• _Assignment_: Would you please return the lines of the material that contain the word "IFCBEAM"?

• _Task input_:
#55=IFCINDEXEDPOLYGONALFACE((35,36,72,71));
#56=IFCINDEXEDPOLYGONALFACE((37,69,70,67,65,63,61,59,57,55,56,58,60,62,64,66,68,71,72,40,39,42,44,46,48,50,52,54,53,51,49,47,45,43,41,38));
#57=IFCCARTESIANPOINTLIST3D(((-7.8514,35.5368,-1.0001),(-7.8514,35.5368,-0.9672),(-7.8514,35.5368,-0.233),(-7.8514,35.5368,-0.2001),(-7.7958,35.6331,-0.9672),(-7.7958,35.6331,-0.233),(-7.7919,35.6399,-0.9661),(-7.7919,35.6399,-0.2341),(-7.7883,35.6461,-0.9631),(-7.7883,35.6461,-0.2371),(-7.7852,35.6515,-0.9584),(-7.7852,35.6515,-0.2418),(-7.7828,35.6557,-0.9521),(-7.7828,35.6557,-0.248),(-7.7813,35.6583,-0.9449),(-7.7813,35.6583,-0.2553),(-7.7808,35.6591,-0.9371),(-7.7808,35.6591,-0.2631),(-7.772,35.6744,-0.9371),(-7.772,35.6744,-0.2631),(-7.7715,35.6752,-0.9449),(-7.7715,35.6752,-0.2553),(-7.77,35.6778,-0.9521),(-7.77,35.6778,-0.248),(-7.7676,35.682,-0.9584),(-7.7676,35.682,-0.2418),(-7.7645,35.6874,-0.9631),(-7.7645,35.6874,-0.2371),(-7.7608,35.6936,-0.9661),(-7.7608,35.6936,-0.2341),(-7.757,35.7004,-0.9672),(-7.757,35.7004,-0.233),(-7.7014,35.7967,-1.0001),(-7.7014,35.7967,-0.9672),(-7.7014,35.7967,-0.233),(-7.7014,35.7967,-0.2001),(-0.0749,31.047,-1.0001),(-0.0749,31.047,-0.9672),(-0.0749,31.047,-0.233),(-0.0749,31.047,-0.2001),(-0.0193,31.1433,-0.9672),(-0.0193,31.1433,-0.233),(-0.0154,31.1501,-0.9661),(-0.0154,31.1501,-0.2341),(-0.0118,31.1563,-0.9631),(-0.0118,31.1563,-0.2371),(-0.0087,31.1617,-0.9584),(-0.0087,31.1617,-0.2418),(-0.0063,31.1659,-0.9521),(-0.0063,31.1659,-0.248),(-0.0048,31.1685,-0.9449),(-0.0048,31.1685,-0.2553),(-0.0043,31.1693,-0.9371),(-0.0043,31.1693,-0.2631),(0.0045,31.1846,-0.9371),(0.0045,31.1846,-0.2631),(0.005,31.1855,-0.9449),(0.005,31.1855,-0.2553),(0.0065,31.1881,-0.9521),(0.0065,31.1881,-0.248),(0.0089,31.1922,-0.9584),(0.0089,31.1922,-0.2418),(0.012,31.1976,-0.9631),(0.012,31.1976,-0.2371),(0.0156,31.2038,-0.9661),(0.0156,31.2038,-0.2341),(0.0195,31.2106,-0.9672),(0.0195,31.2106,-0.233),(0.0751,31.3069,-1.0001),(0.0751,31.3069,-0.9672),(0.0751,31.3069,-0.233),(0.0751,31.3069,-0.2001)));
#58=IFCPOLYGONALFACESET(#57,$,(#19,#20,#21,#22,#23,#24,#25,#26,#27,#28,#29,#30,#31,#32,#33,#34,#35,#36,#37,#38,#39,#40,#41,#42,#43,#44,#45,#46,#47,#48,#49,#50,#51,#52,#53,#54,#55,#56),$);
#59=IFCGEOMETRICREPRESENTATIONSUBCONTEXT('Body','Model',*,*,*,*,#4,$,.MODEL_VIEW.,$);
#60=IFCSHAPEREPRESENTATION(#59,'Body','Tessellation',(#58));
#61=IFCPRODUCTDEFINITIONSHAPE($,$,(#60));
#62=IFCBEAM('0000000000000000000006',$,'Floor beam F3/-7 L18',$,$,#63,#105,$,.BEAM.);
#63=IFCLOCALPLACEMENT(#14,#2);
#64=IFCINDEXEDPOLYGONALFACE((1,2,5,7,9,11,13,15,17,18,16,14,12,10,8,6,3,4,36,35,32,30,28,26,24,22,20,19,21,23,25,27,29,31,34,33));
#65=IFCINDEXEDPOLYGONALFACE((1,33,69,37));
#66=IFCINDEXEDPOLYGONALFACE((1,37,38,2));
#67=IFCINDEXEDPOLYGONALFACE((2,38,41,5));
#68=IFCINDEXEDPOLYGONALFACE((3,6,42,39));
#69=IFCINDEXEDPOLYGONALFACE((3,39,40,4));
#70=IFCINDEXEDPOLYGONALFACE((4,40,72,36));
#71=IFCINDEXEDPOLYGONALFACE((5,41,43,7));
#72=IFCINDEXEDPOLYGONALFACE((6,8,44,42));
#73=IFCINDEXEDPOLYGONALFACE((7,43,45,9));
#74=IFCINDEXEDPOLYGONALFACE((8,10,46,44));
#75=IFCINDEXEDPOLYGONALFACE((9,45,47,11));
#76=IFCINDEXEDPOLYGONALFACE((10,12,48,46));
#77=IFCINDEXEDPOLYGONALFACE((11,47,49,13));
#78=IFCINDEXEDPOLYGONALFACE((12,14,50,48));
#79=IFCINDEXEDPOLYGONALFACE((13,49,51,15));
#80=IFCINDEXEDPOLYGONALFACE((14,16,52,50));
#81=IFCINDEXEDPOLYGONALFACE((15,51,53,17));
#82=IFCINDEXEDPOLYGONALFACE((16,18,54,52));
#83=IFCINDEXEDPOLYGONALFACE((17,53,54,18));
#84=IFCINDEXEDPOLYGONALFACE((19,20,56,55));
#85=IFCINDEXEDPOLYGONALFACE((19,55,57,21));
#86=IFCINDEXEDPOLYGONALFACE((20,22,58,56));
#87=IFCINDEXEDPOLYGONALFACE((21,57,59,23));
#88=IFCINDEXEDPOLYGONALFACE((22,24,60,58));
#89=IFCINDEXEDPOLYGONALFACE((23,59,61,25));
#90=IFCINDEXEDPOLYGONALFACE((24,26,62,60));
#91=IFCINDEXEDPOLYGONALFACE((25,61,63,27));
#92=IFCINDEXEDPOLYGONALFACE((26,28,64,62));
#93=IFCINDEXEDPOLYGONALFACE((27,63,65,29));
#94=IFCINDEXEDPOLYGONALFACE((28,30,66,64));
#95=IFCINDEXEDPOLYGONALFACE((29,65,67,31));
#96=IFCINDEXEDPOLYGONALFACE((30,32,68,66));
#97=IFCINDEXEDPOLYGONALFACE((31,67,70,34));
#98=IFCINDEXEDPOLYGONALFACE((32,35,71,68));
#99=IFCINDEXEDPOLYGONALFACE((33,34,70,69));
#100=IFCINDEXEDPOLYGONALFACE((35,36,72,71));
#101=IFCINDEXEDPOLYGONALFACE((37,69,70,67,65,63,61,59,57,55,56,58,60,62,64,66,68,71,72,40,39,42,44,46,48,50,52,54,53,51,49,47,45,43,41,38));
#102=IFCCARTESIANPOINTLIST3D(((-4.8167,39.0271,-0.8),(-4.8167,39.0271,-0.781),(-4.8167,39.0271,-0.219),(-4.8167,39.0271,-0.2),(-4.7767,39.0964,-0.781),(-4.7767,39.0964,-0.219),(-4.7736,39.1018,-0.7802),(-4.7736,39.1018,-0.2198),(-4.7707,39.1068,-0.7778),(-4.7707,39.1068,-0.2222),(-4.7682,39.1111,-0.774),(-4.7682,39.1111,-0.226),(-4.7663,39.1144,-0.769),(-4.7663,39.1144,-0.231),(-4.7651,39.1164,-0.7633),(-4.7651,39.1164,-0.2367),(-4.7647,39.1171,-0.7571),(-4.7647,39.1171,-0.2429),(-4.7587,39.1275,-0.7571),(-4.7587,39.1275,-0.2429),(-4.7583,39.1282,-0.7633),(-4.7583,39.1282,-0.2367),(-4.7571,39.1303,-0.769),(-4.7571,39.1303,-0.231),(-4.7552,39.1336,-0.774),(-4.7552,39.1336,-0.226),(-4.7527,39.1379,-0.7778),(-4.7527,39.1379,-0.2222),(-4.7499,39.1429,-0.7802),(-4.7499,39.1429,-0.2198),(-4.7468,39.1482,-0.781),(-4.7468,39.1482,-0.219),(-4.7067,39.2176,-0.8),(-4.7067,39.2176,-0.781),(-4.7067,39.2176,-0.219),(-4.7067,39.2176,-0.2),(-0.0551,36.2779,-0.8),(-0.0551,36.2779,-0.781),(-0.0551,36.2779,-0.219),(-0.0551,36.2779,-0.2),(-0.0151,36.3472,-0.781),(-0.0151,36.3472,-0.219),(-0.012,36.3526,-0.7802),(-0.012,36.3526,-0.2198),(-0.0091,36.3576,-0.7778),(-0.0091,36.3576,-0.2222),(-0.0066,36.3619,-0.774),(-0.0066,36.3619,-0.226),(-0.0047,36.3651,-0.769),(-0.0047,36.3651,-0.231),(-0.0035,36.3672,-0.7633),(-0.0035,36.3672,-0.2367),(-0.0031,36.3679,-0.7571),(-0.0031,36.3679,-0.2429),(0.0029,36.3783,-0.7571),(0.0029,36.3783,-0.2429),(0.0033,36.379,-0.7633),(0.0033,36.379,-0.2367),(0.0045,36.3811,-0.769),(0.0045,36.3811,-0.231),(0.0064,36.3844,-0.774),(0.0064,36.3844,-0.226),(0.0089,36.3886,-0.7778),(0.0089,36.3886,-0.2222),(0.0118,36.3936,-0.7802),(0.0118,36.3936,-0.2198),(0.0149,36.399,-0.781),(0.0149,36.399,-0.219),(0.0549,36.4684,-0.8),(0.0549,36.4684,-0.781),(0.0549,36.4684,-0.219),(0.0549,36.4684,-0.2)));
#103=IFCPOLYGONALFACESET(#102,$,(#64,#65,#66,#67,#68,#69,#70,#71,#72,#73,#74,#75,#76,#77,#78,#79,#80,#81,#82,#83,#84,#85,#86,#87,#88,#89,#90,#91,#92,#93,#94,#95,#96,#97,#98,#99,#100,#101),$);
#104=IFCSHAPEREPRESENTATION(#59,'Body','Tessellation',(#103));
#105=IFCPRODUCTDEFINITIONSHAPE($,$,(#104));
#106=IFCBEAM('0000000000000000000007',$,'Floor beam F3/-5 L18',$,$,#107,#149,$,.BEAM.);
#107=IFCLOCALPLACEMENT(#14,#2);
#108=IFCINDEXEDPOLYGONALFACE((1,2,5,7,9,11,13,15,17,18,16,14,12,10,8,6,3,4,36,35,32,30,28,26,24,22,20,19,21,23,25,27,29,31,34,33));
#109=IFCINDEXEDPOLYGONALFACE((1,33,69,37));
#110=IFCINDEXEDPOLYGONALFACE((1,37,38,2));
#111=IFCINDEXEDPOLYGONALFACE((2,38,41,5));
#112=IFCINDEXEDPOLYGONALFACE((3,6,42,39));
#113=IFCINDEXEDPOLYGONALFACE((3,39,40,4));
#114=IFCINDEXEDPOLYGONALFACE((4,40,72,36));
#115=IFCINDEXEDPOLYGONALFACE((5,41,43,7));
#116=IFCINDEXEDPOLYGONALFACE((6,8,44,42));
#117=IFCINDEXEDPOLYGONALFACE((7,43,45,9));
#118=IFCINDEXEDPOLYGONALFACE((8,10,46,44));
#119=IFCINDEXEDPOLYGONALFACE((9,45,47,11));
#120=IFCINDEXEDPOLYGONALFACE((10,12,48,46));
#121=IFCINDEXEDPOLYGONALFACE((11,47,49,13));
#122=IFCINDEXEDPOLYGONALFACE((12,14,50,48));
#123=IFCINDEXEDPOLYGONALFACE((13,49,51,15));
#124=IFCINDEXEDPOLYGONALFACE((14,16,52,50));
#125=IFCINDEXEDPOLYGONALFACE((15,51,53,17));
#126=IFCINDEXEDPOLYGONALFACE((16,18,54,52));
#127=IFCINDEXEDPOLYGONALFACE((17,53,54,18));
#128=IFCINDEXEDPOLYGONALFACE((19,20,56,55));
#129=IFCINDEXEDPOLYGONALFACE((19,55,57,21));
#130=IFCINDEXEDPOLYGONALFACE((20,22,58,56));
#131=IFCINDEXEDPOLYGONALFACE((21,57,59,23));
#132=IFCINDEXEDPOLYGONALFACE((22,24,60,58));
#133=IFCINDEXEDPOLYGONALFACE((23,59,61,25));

• _Your solution_:
#62=IFCBEAM('0000000000000000000006',$,'Floor beam F3/-7 L18',$,$,#63,#105,$,.BEAM.);
#106=IFCBEAM('0000000000000000000007',$,'Floor beam F3/-5 L18',$,$,#107,#149,$,.BEAM.);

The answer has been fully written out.